SUPPLIED DATA —
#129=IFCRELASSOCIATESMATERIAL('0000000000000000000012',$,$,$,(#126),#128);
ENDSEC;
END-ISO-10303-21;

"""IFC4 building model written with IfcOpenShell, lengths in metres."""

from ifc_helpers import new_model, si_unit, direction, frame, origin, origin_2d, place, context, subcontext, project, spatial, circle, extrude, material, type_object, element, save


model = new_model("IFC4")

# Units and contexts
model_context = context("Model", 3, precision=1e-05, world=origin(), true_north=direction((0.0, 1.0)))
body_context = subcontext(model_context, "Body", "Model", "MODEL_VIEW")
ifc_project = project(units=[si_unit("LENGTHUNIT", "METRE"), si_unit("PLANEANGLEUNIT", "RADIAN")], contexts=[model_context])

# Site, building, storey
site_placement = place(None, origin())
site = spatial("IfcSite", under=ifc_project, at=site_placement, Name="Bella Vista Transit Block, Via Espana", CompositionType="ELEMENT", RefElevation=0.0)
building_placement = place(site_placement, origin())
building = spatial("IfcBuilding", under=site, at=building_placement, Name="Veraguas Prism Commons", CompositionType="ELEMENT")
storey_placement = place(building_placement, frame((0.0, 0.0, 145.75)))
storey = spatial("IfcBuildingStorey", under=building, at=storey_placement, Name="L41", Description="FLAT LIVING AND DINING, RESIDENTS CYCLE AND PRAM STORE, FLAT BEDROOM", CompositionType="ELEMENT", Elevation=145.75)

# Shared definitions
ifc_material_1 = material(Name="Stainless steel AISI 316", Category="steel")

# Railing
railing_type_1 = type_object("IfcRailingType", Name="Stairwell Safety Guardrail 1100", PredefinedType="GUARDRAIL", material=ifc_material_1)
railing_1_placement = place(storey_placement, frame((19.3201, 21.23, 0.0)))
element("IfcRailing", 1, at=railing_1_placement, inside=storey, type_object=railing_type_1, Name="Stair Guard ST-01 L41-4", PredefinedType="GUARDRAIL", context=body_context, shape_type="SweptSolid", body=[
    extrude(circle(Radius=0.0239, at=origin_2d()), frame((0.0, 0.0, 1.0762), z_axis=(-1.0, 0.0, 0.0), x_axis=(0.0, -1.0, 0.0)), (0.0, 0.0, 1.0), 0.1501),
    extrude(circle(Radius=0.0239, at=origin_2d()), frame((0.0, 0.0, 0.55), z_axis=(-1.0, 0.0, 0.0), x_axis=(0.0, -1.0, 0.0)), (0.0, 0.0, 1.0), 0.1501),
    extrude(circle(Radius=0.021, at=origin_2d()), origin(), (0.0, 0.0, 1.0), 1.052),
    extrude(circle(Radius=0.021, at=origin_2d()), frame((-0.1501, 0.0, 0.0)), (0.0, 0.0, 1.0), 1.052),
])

WORK REQUEST —
Your answer should be each line of the data that contains the word "direction", copied as it stands.

YOUR RESPONSE —
from ifc_helpers import new_model, si_unit, direction, frame, origin, origin_2d, place, context, subcontext, project, spatial, circle, extrude, material, type_object, element, save
model_context = context("Model", 3, precision=1e-05, world=origin(), true_north=direction((0.0, 1.0)))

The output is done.